* **GOAL OF THE EXERCISE**:
Please report every line in the entries that contains the string "Plot".

* **ENTRIES PROVIDED**:
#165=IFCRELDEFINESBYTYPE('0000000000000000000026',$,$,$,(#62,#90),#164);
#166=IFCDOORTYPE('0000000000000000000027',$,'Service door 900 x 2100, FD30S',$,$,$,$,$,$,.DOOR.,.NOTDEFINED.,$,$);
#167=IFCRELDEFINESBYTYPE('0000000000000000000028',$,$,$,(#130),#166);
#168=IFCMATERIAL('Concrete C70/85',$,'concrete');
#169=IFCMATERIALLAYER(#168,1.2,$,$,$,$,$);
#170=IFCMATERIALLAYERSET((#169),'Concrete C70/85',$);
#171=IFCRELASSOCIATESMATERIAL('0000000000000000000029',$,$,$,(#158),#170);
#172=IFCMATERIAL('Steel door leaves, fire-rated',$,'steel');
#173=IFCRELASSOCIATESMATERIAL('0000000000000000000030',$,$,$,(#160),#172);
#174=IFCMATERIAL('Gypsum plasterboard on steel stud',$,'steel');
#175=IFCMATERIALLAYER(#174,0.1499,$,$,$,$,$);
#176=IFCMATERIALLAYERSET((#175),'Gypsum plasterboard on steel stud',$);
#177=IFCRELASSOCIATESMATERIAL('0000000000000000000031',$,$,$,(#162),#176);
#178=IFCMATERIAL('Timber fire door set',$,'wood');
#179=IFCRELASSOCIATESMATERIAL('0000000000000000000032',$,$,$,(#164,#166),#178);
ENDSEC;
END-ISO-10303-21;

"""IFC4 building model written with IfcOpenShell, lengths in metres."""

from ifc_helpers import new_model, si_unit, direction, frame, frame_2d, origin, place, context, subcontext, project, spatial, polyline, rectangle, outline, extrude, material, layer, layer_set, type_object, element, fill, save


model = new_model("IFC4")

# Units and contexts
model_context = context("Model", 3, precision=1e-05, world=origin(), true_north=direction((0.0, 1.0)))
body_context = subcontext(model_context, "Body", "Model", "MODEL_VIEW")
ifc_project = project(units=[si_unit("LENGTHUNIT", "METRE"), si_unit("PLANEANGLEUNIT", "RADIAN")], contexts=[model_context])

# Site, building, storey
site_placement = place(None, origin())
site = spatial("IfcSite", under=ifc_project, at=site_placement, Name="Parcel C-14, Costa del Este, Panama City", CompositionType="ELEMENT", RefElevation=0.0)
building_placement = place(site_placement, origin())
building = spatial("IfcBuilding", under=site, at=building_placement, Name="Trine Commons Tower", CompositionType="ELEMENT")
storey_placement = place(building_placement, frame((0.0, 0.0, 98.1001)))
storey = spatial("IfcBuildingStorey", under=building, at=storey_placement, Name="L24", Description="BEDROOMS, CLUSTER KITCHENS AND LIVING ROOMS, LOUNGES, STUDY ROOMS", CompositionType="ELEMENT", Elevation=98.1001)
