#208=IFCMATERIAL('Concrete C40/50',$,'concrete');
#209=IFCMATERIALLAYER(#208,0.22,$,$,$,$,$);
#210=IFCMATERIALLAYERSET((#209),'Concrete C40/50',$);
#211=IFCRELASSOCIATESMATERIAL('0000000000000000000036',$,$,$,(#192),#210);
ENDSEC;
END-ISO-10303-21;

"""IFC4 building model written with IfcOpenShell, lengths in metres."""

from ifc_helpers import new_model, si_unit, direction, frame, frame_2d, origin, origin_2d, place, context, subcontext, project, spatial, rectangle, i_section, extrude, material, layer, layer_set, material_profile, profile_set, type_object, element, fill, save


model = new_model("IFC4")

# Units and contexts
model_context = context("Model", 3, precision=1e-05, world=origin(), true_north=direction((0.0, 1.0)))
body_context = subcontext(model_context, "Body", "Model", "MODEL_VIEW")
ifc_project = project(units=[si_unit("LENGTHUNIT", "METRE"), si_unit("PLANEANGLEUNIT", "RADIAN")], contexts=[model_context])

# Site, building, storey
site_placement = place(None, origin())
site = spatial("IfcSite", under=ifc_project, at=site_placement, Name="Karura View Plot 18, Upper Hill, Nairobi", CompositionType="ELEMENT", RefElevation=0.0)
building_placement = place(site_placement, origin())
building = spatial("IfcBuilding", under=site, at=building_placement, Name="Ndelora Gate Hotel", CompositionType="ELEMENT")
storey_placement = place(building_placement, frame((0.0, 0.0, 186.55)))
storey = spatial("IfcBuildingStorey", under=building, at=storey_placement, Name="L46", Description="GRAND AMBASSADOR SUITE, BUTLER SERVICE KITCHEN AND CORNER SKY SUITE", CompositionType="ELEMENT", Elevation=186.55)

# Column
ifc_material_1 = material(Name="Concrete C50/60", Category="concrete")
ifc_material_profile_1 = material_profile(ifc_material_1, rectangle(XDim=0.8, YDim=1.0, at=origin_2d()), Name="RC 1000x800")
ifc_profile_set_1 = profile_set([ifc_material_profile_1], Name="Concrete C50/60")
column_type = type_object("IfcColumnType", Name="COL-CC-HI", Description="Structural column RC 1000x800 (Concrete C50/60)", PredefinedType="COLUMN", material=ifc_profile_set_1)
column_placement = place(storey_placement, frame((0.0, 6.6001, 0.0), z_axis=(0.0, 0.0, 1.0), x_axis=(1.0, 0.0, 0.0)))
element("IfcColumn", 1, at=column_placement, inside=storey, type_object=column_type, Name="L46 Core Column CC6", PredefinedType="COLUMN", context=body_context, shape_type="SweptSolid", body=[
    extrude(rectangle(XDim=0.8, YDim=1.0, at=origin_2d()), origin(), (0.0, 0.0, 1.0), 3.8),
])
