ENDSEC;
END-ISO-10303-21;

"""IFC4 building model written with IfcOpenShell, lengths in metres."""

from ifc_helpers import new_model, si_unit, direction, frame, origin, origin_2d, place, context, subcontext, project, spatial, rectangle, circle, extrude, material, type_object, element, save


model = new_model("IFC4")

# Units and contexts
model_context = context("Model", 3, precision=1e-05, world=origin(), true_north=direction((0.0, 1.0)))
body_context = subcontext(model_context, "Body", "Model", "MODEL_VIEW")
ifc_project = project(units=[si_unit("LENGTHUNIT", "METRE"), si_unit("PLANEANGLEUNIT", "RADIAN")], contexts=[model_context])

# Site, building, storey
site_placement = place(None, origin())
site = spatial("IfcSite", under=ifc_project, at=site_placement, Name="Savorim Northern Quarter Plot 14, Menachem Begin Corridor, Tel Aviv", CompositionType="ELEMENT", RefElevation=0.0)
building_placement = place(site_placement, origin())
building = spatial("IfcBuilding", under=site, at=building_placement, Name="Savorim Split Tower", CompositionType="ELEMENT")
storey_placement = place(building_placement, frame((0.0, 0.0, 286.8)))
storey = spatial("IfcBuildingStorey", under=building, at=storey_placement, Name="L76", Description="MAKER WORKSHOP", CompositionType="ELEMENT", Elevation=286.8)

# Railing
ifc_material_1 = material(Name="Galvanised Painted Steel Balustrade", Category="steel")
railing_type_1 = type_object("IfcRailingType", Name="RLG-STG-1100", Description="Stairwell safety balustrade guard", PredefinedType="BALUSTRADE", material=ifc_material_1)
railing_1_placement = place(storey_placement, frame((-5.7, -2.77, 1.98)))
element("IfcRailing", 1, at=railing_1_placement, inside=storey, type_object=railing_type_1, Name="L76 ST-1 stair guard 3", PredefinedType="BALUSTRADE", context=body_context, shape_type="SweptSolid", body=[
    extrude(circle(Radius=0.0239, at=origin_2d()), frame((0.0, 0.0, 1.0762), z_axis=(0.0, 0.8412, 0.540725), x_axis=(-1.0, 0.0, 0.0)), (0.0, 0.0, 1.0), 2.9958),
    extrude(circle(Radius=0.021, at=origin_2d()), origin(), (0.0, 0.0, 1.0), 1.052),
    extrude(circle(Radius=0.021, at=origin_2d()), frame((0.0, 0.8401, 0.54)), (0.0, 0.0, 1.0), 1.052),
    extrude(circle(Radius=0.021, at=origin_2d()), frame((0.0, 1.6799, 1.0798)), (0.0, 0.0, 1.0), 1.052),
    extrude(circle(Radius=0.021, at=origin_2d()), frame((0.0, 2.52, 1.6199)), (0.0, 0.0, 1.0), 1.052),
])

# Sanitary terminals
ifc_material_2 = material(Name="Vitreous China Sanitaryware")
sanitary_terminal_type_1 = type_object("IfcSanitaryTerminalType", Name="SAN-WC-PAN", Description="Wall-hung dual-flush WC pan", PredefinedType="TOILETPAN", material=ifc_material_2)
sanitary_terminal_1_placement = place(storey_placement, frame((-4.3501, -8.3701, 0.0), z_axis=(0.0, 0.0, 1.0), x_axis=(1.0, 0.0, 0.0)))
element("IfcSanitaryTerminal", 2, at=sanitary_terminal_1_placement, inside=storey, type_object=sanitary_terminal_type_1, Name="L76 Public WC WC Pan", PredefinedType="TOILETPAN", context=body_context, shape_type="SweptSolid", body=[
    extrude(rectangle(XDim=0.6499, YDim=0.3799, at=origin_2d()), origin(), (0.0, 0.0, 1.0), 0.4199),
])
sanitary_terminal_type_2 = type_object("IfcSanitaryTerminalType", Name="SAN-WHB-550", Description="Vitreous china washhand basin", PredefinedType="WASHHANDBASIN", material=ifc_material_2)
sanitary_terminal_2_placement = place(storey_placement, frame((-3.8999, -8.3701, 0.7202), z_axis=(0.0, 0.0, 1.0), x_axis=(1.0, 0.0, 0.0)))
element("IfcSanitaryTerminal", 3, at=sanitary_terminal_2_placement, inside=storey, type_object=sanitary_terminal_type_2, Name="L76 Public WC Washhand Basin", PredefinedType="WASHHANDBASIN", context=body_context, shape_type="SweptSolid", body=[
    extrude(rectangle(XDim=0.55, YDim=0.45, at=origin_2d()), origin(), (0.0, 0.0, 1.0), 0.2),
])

* **TASK OUTPUT**:
site = spatial("IfcSite", under=ifc_project, at=site_placement, Name="Karura View Plot 18, Upper Hill, Nairobi", CompositionType="ELEMENT", RefElevation=0.0)
site = spatial("IfcSite", under=ifc_project, at=site_placement, Name="Savorim Northern Quarter Plot 14, Menachem Begin Corridor, Tel Aviv", CompositionType="ELEMENT", RefElevation=0.0)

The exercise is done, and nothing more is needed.